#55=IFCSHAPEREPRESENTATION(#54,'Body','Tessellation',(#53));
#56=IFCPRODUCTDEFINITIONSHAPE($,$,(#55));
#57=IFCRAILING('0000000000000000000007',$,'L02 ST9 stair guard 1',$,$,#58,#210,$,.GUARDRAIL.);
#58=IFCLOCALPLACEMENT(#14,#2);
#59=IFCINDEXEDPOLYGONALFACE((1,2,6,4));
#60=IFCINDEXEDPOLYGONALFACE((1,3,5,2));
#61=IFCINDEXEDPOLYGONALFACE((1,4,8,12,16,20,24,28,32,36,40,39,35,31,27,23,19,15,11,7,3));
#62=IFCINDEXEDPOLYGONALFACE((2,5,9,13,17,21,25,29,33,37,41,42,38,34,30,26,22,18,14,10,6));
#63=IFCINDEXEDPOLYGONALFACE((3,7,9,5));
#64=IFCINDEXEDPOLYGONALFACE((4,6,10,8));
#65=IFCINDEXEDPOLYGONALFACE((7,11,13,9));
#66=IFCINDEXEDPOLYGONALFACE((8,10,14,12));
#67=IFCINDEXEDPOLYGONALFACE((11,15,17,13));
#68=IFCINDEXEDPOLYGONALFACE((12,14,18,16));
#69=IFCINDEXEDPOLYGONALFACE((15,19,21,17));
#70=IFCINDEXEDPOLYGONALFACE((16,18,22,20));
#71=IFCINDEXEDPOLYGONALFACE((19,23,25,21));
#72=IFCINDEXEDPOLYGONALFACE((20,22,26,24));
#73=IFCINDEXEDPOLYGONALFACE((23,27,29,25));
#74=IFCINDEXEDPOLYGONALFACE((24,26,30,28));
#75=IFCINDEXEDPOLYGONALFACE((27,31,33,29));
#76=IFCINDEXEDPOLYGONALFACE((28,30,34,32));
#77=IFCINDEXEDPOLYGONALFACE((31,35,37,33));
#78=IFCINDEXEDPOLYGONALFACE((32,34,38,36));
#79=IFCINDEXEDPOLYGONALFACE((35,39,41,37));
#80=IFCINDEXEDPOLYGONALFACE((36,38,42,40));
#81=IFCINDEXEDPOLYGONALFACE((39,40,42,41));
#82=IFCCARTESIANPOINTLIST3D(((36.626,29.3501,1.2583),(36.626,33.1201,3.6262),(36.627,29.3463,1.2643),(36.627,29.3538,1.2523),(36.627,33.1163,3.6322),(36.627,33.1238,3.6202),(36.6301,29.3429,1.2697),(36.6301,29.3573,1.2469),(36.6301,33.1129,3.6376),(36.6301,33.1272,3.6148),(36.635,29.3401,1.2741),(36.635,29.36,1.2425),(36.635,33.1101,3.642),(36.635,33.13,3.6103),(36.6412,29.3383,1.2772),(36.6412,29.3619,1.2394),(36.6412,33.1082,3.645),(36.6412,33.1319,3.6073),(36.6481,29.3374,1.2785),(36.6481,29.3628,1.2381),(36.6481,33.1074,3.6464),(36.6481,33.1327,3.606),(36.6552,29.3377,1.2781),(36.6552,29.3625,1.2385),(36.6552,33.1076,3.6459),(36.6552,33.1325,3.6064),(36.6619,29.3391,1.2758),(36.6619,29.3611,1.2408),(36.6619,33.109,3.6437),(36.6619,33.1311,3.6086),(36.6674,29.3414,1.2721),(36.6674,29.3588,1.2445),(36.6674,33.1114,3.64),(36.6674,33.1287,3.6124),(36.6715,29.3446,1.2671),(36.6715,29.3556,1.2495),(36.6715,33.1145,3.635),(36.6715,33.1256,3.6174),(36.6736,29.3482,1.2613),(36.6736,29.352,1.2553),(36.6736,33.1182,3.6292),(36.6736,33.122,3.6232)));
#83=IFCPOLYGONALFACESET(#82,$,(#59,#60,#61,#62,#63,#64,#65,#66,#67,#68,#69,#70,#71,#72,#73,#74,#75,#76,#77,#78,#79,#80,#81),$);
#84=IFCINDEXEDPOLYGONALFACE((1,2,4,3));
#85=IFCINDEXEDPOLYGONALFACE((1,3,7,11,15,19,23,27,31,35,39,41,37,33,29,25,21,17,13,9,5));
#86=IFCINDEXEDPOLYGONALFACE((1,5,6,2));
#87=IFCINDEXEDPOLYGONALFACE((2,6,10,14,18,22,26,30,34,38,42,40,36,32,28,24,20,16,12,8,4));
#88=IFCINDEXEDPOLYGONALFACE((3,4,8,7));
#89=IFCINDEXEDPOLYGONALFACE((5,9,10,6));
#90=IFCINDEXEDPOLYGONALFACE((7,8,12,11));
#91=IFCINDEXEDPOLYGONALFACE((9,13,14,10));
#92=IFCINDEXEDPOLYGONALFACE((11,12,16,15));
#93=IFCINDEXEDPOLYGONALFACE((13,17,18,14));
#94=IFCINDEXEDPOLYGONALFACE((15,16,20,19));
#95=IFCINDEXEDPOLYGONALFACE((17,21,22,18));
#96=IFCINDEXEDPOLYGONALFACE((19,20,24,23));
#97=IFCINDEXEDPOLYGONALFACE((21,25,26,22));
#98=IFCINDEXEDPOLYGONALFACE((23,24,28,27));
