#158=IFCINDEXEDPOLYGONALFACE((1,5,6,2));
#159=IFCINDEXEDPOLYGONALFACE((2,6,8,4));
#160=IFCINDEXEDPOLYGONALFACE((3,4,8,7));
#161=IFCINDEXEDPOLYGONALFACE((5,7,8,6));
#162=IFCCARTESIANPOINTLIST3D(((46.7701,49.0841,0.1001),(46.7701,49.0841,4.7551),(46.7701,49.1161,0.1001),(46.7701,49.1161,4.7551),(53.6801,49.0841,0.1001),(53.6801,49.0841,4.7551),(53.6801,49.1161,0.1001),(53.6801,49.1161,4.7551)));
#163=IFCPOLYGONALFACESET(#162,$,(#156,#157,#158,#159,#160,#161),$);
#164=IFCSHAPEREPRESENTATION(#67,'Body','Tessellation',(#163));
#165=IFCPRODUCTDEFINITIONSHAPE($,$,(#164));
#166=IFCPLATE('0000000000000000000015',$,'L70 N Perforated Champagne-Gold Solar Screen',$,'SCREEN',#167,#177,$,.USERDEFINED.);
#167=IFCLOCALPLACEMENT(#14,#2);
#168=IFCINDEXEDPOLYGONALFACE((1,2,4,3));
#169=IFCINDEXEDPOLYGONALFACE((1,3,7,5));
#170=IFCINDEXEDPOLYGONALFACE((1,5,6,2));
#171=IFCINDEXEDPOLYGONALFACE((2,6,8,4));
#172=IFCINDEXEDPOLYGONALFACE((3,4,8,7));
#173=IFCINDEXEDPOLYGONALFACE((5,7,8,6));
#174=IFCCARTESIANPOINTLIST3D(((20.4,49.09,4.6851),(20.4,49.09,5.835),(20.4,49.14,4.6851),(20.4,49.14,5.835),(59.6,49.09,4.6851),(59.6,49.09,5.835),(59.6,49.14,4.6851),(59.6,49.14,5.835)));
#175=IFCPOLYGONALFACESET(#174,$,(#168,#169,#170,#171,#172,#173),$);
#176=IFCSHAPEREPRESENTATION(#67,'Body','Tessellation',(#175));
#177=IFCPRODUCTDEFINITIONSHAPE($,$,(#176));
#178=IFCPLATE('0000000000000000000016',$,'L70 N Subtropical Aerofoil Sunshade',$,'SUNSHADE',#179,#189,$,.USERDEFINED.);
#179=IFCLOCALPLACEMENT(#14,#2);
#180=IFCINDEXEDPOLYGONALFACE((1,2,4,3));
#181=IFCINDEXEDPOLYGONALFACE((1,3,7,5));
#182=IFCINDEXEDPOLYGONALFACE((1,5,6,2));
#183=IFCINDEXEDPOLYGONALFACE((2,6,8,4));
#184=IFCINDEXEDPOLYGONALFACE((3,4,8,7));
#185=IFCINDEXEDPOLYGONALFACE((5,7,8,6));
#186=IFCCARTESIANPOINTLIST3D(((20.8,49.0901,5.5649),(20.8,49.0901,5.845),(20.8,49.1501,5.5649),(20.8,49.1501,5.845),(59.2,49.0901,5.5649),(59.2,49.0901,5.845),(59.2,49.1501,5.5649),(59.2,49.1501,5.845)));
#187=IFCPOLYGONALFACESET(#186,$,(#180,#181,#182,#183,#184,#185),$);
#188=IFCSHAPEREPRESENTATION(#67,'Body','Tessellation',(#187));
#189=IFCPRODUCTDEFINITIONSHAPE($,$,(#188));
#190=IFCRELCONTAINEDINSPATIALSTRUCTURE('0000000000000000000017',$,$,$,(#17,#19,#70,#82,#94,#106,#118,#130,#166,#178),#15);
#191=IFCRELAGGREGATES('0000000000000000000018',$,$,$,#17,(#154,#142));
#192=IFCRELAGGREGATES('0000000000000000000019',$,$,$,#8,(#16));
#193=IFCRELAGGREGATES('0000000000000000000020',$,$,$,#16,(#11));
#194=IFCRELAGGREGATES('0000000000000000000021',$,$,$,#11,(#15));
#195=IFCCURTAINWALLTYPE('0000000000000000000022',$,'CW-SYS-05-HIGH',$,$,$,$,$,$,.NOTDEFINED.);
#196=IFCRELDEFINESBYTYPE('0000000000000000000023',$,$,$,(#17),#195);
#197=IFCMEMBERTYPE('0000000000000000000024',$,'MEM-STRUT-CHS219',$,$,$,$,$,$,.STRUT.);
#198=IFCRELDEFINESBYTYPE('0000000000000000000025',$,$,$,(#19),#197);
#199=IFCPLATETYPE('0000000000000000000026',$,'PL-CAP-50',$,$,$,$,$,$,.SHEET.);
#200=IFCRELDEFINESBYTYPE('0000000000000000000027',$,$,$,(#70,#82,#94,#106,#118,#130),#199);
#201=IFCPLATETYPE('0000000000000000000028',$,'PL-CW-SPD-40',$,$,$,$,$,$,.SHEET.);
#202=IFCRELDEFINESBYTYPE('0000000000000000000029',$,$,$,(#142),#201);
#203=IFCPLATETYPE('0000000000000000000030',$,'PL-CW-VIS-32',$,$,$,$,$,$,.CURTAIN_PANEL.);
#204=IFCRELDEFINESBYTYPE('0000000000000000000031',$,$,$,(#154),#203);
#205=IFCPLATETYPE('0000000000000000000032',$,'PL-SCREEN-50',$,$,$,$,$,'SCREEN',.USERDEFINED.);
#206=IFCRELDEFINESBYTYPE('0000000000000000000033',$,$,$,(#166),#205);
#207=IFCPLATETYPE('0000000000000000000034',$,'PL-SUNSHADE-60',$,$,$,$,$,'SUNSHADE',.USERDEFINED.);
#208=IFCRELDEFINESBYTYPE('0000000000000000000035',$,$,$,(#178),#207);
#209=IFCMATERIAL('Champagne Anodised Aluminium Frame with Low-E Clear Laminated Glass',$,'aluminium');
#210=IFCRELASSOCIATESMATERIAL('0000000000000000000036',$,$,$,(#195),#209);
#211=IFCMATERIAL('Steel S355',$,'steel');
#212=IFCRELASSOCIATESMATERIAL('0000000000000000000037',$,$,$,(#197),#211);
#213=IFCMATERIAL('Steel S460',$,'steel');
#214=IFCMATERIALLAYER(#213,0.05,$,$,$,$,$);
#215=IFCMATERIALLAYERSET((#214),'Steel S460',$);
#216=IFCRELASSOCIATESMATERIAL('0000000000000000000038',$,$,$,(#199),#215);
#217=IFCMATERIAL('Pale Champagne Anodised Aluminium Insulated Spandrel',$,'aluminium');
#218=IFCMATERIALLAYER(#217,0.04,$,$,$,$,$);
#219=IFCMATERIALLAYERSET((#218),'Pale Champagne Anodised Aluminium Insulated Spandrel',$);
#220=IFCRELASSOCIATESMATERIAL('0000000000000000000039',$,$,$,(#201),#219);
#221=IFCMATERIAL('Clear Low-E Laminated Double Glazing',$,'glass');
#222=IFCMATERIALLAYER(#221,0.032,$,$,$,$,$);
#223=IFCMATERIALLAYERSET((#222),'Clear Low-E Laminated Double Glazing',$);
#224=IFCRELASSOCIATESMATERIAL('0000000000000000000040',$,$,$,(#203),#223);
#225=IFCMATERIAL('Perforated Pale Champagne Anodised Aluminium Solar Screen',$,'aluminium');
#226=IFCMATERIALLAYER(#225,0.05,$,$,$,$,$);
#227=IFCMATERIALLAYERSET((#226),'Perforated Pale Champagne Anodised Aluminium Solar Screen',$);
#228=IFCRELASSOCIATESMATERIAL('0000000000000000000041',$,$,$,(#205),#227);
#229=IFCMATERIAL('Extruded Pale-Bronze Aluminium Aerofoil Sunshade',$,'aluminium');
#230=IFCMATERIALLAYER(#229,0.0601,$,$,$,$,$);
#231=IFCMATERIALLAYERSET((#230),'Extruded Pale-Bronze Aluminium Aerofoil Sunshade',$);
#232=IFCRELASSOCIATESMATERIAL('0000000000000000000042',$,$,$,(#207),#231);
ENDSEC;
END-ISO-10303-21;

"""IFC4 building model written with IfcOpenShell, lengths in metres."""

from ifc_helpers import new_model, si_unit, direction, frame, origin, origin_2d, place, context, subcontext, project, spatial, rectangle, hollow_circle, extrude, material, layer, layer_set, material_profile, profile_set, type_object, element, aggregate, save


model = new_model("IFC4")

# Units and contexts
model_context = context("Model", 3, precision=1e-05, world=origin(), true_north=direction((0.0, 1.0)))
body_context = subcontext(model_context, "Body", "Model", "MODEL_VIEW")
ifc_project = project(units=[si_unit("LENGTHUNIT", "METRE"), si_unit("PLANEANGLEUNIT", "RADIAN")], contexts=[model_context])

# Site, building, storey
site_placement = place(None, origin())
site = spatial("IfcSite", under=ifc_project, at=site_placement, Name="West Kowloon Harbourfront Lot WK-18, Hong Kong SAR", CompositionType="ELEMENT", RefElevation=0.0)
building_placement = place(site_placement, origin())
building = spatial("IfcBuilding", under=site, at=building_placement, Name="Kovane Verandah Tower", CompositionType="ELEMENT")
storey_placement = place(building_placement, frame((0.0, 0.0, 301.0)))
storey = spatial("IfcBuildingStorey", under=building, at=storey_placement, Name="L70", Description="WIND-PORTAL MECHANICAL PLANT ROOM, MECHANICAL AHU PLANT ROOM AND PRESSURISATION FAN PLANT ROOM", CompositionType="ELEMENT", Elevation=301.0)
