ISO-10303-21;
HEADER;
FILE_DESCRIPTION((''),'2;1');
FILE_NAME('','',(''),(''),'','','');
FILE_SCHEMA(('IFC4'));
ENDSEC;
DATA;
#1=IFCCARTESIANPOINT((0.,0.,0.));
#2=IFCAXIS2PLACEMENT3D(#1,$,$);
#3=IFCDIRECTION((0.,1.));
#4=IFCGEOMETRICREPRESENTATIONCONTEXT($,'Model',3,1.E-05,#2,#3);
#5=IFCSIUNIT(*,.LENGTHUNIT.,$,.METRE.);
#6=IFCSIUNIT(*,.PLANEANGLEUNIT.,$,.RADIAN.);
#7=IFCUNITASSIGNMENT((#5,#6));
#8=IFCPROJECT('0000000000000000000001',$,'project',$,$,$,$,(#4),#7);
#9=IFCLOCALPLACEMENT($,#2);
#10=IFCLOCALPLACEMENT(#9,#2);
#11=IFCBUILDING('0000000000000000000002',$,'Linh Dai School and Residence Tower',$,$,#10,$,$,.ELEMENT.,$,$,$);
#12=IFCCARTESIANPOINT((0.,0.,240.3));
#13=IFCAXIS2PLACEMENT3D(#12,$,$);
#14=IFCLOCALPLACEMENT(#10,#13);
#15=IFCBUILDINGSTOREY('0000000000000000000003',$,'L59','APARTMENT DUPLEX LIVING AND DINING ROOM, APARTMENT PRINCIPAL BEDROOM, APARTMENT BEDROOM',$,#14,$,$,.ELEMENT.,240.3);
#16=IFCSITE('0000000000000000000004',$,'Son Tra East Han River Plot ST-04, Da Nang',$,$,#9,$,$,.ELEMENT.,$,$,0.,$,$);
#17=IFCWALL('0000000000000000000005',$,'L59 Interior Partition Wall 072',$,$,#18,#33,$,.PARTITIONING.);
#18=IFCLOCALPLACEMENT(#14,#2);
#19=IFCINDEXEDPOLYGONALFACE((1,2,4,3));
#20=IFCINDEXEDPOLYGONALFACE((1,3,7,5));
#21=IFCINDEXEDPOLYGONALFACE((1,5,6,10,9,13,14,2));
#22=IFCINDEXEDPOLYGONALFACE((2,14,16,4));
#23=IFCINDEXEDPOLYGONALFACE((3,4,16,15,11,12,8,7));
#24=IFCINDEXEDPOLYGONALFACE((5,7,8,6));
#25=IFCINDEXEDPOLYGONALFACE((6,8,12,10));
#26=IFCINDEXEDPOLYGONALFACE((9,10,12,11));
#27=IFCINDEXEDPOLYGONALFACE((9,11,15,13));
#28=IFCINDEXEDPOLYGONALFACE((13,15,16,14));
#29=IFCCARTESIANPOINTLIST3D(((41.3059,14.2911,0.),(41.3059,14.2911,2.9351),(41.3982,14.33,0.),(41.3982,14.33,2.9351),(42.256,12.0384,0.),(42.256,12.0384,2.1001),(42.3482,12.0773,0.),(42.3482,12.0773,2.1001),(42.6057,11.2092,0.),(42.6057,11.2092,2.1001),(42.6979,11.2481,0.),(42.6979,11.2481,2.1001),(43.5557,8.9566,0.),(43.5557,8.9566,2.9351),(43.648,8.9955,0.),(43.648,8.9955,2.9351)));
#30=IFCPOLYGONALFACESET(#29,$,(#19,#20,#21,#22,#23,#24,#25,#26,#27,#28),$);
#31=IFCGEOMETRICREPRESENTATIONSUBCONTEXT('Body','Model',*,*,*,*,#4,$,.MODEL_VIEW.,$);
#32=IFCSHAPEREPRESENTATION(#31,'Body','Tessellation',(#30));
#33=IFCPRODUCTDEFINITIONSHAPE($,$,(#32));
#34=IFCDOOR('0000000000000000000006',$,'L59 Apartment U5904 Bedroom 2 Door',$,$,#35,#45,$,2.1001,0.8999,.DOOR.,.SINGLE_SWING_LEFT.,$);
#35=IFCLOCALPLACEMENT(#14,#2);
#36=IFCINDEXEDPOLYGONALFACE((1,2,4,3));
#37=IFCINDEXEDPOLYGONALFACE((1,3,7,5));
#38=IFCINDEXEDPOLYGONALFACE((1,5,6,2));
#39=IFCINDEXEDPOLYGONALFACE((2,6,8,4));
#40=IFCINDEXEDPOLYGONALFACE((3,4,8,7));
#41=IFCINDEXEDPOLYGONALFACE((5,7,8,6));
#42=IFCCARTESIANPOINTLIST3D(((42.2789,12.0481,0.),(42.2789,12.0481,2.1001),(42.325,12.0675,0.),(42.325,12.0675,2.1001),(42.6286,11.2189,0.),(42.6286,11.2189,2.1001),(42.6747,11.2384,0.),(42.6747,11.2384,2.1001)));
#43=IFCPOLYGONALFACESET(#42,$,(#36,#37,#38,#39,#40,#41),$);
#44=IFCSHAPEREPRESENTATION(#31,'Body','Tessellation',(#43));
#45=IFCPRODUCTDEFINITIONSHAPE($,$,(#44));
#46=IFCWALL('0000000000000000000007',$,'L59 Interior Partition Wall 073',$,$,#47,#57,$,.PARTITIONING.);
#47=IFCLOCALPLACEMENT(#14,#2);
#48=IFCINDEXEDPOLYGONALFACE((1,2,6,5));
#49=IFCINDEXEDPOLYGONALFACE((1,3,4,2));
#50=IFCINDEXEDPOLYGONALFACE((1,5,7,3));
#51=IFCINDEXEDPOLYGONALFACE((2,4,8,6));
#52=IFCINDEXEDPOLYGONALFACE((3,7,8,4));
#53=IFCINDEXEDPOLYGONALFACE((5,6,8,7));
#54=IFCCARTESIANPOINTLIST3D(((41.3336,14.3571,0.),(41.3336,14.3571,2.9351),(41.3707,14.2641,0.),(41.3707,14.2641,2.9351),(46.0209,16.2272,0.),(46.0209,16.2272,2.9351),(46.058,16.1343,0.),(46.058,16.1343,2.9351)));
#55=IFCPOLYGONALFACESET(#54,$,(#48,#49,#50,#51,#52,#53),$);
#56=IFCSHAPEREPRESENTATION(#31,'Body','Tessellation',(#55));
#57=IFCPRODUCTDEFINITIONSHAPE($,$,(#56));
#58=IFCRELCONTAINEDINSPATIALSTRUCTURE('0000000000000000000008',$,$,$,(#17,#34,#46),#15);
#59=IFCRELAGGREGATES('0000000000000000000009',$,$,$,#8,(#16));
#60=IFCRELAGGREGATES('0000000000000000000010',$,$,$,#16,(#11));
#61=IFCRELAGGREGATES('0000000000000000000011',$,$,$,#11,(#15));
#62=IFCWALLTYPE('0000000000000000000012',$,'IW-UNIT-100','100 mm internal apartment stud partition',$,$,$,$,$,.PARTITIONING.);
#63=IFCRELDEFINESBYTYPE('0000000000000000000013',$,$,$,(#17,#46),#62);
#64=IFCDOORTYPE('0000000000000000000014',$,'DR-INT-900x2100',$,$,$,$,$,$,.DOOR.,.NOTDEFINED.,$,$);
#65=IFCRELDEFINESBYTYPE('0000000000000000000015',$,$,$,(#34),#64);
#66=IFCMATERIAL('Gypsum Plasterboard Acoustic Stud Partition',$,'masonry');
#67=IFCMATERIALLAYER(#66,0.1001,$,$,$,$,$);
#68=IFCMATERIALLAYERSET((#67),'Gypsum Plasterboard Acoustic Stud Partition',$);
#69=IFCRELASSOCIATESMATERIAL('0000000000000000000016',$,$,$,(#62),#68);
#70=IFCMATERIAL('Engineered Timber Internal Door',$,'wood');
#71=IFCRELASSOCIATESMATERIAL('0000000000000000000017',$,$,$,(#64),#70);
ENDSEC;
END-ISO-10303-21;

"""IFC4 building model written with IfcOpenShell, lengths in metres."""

from ifc_helpers import new_model, si_unit, direction, frame, frame_2d, origin, origin_2d, place, context, subcontext, project, spatial, rectangle, extrude, source, transform, mapped, material, layer, layer_set, type_object, element, fill, save


model = new_model("IFC4")

# Units and contexts
model_context = context("Model", 3, precision=1e-05, world=origin(), true_north=direction((0.0, 1.0)))
body_context = subcontext(model_context, "Body", "Model", "MODEL_VIEW")
ifc_project = project(units=[si_unit("LENGTHUNIT", "METRE"), si_unit("PLANEANGLEUNIT", "RADIAN")], contexts=[model_context])

# Site, building, storey
site_placement = place(None, origin())
site = spatial("IfcSite", under=ifc_project, at=site_placement, Name="Son Tra East Han River Plot ST-04, Da Nang", CompositionType="ELEMENT", RefElevation=0.0)
building_placement = place(site_placement, origin())
building = spatial("IfcBuilding", under=site, at=building_placement, Name="Linh Dai School and Residence Tower", CompositionType="ELEMENT")
storey_placement = place(building_placement, frame((0.0, 0.0, 240.3)))
storey = spatial("IfcBuildingStorey", under=building, at=storey_placement, Name="L59", Description="APARTMENT DUPLEX LIVING AND DINING ROOM, APARTMENT PRINCIPAL BEDROOM, APARTMENT BEDROOM", CompositionType="ELEMENT", Elevation=240.3)

# Shared definitions
ifc_material_1 = material(Name="Gypsum Plasterboard Acoustic Stud Partition", Category="masonry")
ifc_layer_1 = layer(ifc_material_1, 0.1001)
ifc_layer_set_1 = layer_set([ifc_layer_1], Name="Gypsum Plasterboard Acoustic Stud Partition")
wall_type_1 = type_object("IfcWallType", Name="IW-UNIT-100", Description="100 mm internal apartment stud partition", PredefinedType="PARTITIONING", material=ifc_layer_set_1)

# Wall, opening, door
ifc_material_2 = material(Name="Engineered Timber Internal Door", Category="wood")
door_type = type_object("IfcDoorType", Name="DR-INT-900x2100", OperationType="NOTDEFINED", PredefinedType="DOOR", material=ifc_material_2)
shared_shape_1 = source(origin(), body_context, "Body", "SweptSolid", [
    extrude(rectangle(XDim=0.8999, YDim=2.1001, at=origin_2d()), frame((0.45, 0.0249, 1.05), z_axis=(0.0, -1.0, 0.0), x_axis=(1.0, 0.0, 0.0)), (0.0, 0.0, 1.0), 0.05),
])
wall_1_placement = place(storey_placement, frame((41.3521, 14.3105, 0.0), z_axis=(0.0, 0.0, 1.0), x_axis=(0.388594, -0.921409, 0.0)))
wall_1 = element("IfcWall", 1, at=wall_1_placement, inside=storey, type_object=wall_type_1, Name="L59 Interior Partition Wall 072", PredefinedType="PARTITIONING", context=body_context, shape_type="SweptSolid", body=[
    extrude(rectangle(XDim=5.7896, YDim=0.1001, at=frame_2d((2.8948, 0.0))), origin(), (0.0, 0.0, 1.0), 2.9351),
])
opening_1_placement = place(wall_1_placement, frame((2.4448, 0.0, 0.0)))
opening_1 = element("IfcOpeningElement", 2, at=opening_1_placement, cuts=wall_1, PredefinedType="OPENING", context=body_context, shape_type="SweptSolid", body=[
    extrude(rectangle(XDim=0.8999, YDim=2.1001, at=origin_2d()), frame((0.45, 0.0601, 1.05), z_axis=(0.0, -1.0, 0.0), x_axis=(1.0, 0.0, 0.0)), (0.0, 0.0, 1.0), 0.1201),
])
door_1_placement = place(opening_1_placement, origin())
door_1 = element("IfcDoor", 3, at=door_1_placement, inside=storey, type_object=door_type, Name="L59 Apartment U5904 Bedroom 2 Door", OperationType="SINGLE_SWING_LEFT", OverallHeight=2.1001, OverallWidth=0.8999, PredefinedType="DOOR", context=body_context, shape_type="MappedRepresentation", body=[
    mapped(shared_shape_1, transform((0.0, 0.0, 0.0), x_axis=(1.0, 0.0, 0.0), y_axis=(0.0, 1.0, 0.0), z_axis=(0.0, 0.0, 1.0), scale=1.0)),
])
fill(opening_1, door_1)

# Wall
wall_2_placement = place(storey_placement, frame((41.3521, 14.3105, 0.0), z_axis=(0.0, 0.0, 1.0), x_axis=(0.928803, 0.370573, 0.0)))
element("IfcWall", 4, at=wall_2_placement, inside=storey, type_object=wall_type_1, Name="L59 Interior Partition Wall 073", PredefinedType="PARTITIONING", context=body_context, shape_type="SweptSolid", body=[
    extrude(rectangle(XDim=5.0466, YDim=0.1001, at=frame_2d((2.5234, 0.0))), origin(), (0.0, 0.0, 1.0), 2.9351),
])

save(model, "model.ifc")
|---|
Please transcribe only the lines in the records above running from the line that has "#69=IFCINDEXEDPOLYGONALFACE((15,19,21,17));" through the line that has "#78=IFCINDEXEDPOLYGONALFACE((32,34,38,36));", both included, exactly as they appear.

#69=IFCINDEXEDPOLYGONALFACE((15,19,21,17));
#70=IFCINDEXEDPOLYGONALFACE((16,18,22,20));
#71=IFCINDEXEDPOLYGONALFACE((19,23,25,21));
#72=IFCINDEXEDPOLYGONALFACE((20,22,26,24));
#73=IFCINDEXEDPOLYGONALFACE((23,27,29,25));
#74=IFCINDEXEDPOLYGONALFACE((24,26,30,28));
#75=IFCINDEXEDPOLYGONALFACE((27,31,33,29));
#76=IFCINDEXEDPOLYGONALFACE((28,30,34,32));
#77=IFCINDEXEDPOLYGONALFACE((31,35,37,33));
#78=IFCINDEXEDPOLYGONALFACE((32,34,38,36));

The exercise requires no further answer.